**Aim of the exercise**
Only the lines from the beginning of the data below through the line that contains "#50=IFCINDEXEDPOLYGONALFACE((4,36,72,40));" should be repeated, exactly as written.

**Extracted information**

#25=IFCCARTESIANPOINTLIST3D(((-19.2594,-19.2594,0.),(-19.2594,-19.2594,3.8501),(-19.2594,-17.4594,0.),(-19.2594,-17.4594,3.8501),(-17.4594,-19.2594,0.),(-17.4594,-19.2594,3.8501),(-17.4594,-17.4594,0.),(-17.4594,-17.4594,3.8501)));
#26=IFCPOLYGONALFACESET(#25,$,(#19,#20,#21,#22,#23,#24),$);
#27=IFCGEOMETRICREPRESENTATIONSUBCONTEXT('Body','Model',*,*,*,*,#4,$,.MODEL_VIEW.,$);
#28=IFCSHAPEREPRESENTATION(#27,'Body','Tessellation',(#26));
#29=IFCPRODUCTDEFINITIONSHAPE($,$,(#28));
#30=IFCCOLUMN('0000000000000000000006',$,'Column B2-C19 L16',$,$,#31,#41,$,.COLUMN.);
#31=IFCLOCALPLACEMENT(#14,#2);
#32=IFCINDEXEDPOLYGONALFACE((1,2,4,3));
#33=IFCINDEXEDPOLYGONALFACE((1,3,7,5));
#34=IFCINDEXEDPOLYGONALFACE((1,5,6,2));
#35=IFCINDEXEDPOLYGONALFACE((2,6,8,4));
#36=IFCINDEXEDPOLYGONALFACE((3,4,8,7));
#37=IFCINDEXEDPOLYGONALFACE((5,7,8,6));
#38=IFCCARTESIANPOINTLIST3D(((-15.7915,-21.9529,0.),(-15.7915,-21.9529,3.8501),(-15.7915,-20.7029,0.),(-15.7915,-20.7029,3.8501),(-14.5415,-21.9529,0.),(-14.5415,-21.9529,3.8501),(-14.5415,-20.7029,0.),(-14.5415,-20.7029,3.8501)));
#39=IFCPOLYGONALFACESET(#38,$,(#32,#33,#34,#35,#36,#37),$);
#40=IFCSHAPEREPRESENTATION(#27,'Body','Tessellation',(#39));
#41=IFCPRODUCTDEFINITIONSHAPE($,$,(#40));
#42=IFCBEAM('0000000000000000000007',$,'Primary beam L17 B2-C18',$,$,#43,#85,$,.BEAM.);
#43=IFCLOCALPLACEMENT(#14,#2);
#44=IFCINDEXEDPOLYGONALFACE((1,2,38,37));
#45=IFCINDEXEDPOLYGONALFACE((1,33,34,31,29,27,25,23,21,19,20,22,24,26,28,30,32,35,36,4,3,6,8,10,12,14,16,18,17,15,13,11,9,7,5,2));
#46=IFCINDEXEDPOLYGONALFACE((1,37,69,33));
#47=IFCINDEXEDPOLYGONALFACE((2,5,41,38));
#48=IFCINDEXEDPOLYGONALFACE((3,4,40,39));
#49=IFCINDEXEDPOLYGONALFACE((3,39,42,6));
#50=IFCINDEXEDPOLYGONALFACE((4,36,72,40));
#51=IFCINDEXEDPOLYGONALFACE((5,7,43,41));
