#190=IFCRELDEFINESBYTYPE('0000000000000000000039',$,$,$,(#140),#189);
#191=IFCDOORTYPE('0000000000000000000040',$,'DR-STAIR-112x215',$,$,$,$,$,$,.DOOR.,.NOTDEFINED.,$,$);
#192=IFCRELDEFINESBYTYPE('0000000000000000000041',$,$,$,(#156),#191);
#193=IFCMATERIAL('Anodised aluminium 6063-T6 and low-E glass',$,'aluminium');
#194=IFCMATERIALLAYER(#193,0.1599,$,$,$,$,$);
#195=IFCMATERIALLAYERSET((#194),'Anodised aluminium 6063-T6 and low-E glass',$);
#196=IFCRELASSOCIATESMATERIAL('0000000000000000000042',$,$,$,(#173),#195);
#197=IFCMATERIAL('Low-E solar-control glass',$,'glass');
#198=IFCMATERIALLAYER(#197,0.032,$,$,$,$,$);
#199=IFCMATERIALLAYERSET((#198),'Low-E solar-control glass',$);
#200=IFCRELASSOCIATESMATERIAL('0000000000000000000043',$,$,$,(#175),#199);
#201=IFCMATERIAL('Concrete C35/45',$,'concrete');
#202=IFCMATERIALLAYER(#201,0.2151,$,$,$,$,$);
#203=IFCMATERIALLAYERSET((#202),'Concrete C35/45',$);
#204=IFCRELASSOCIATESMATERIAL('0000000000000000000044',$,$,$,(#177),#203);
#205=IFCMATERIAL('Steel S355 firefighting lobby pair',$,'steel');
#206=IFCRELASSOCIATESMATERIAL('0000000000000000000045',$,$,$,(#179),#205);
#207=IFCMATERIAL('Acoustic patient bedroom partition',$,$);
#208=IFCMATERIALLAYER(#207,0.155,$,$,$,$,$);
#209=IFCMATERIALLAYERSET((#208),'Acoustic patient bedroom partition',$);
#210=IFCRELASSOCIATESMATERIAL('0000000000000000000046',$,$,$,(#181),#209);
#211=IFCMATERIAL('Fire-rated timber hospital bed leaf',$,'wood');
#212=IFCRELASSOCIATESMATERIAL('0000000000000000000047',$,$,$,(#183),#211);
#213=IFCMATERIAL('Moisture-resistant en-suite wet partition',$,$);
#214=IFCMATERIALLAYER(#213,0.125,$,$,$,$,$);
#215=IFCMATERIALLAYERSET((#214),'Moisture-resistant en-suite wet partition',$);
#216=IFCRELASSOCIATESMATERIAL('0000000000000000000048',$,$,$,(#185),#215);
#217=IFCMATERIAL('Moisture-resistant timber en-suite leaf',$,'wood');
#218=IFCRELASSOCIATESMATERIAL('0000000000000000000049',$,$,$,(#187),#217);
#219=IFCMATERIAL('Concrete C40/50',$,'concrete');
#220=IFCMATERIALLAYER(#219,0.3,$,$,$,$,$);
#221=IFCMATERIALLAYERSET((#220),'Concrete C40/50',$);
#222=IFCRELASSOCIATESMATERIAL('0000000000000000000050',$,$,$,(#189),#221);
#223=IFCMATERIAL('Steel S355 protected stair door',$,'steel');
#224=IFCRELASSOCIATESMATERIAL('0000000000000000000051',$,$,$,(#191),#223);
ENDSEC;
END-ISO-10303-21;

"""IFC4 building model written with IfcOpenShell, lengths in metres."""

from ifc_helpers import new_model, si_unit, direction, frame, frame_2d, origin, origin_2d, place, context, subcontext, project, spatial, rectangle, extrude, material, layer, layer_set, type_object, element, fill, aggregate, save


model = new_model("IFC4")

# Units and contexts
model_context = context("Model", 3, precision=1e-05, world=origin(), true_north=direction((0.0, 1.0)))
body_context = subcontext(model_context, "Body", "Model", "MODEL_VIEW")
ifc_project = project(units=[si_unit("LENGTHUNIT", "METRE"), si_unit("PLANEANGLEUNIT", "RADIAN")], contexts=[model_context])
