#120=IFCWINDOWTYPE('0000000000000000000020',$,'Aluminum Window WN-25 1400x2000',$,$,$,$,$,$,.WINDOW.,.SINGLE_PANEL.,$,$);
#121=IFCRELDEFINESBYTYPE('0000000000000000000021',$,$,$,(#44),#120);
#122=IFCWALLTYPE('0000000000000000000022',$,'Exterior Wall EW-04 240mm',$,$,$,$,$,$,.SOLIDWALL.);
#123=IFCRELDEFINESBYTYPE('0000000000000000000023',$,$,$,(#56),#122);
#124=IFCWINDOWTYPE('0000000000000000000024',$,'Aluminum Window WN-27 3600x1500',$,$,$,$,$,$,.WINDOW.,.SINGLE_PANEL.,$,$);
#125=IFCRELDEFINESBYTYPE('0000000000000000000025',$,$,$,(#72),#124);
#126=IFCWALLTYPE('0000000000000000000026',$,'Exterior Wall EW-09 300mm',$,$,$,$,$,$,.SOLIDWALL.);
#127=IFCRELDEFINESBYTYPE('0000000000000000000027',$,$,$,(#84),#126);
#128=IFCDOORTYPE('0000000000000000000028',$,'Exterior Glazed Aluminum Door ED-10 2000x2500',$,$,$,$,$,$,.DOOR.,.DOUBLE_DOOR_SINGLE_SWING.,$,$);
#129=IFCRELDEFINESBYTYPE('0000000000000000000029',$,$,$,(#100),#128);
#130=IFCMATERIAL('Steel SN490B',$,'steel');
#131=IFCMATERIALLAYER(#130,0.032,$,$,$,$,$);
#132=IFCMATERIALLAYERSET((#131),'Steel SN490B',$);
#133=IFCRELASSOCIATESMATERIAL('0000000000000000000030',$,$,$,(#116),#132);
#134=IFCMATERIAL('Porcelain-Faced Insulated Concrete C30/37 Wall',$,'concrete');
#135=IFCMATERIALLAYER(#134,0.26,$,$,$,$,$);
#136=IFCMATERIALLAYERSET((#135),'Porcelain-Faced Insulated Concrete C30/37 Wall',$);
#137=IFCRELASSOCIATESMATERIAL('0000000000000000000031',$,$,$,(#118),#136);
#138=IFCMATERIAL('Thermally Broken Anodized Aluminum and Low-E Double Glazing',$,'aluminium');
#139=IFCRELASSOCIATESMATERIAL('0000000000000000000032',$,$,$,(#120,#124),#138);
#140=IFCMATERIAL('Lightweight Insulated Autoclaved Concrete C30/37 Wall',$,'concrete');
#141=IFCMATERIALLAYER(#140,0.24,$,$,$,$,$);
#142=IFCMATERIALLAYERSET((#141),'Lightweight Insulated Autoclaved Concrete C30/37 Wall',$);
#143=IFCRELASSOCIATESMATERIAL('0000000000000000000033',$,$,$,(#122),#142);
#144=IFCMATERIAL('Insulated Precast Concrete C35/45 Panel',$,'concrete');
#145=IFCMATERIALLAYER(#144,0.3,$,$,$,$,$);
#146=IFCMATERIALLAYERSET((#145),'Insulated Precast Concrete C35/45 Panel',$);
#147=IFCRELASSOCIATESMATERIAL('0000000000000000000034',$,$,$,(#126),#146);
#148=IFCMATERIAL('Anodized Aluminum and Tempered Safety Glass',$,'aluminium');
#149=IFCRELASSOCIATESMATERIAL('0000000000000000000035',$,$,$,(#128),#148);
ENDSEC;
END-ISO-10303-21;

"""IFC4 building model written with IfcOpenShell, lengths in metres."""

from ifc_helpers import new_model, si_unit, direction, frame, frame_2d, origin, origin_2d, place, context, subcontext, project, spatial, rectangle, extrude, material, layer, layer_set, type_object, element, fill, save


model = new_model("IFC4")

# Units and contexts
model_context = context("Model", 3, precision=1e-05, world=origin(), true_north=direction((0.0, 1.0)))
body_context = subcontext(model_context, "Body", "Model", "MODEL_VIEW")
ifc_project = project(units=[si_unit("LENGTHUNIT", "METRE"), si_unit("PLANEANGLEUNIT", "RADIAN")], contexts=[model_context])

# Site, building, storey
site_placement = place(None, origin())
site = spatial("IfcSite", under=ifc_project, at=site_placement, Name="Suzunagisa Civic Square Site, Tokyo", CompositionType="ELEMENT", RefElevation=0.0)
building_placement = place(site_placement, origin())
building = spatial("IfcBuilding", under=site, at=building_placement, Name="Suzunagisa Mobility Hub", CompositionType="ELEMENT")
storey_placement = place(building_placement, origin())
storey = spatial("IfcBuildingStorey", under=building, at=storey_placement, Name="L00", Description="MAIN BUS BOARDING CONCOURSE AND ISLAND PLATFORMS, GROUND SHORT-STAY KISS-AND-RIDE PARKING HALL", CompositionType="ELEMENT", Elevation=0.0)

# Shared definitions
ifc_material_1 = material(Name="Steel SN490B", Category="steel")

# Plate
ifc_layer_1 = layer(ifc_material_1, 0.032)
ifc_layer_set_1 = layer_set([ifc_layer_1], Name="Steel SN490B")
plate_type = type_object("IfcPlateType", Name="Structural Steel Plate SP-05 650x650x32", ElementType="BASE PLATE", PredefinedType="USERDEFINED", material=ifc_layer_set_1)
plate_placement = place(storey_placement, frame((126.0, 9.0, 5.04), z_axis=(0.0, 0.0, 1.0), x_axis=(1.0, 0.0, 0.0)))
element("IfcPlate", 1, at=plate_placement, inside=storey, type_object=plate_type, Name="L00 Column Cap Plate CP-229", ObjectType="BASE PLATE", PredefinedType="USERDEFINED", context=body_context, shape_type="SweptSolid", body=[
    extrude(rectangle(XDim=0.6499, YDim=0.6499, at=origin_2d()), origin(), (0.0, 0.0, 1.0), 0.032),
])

**Answer to this task**
#25=IFCCARTESIANPOINTLIST3D(((-19.2594,-19.2594,0.),(-19.2594,-19.2594,3.8501),(-19.2594,-17.4594,0.),(-19.2594,-17.4594,3.8501),(-17.4594,-19.2594,0.),(-17.4594,-19.2594,3.8501),(-17.4594,-17.4594,0.),(-17.4594,-17.4594,3.8501)));
#26=IFCPOLYGONALFACESET(#25,$,(#19,#20,#21,#22,#23,#24),$);
#27=IFCGEOMETRICREPRESENTATIONSUBCONTEXT('Body','Model',*,*,*,*,#4,$,.MODEL_VIEW.,$);
#28=IFCSHAPEREPRESENTATION(#27,'Body','Tessellation',(#26));
#29=IFCPRODUCTDEFINITIONSHAPE($,$,(#28));
#30=IFCCOLUMN('0000000000000000000006',$,'Column B2-C19 L16',$,$,#31,#41,$,.COLUMN.);
#31=IFCLOCALPLACEMENT(#14,#2);
#32=IFCINDEXEDPOLYGONALFACE((1,2,4,3));
#33=IFCINDEXEDPOLYGONALFACE((1,3,7,5));
#34=IFCINDEXEDPOLYGONALFACE((1,5,6,2));
#35=IFCINDEXEDPOLYGONALFACE((2,6,8,4));
#36=IFCINDEXEDPOLYGONALFACE((3,4,8,7));
#37=IFCINDEXEDPOLYGONALFACE((5,7,8,6));
#38=IFCCARTESIANPOINTLIST3D(((-15.7915,-21.9529,0.),(-15.7915,-21.9529,3.8501),(-15.7915,-20.7029,0.),(-15.7915,-20.7029,3.8501),(-14.5415,-21.9529,0.),(-14.5415,-21.9529,3.8501),(-14.5415,-20.7029,0.),(-14.5415,-20.7029,3.8501)));
#39=IFCPOLYGONALFACESET(#38,$,(#32,#33,#34,#35,#36,#37),$);
#40=IFCSHAPEREPRESENTATION(#27,'Body','Tessellation',(#39));
#41=IFCPRODUCTDEFINITIONSHAPE($,$,(#40));
#42=IFCBEAM('0000000000000000000007',$,'Primary beam L17 B2-C18',$,$,#43,#85,$,.BEAM.);
#43=IFCLOCALPLACEMENT(#14,#2);
#44=IFCINDEXEDPOLYGONALFACE((1,2,38,37));
#45=IFCINDEXEDPOLYGONALFACE((1,33,34,31,29,27,25,23,21,19,20,22,24,26,28,30,32,35,36,4,3,6,8,10,12,14,16,18,17,15,13,11,9,7,5,2));
#46=IFCINDEXEDPOLYGONALFACE((1,37,69,33));
#47=IFCINDEXEDPOLYGONALFACE((2,5,41,38));
#48=IFCINDEXEDPOLYGONALFACE((3,4,40,39));
#49=IFCINDEXEDPOLYGONALFACE((3,39,42,6));
#50=IFCINDEXEDPOLYGONALFACE((4,36,72,40));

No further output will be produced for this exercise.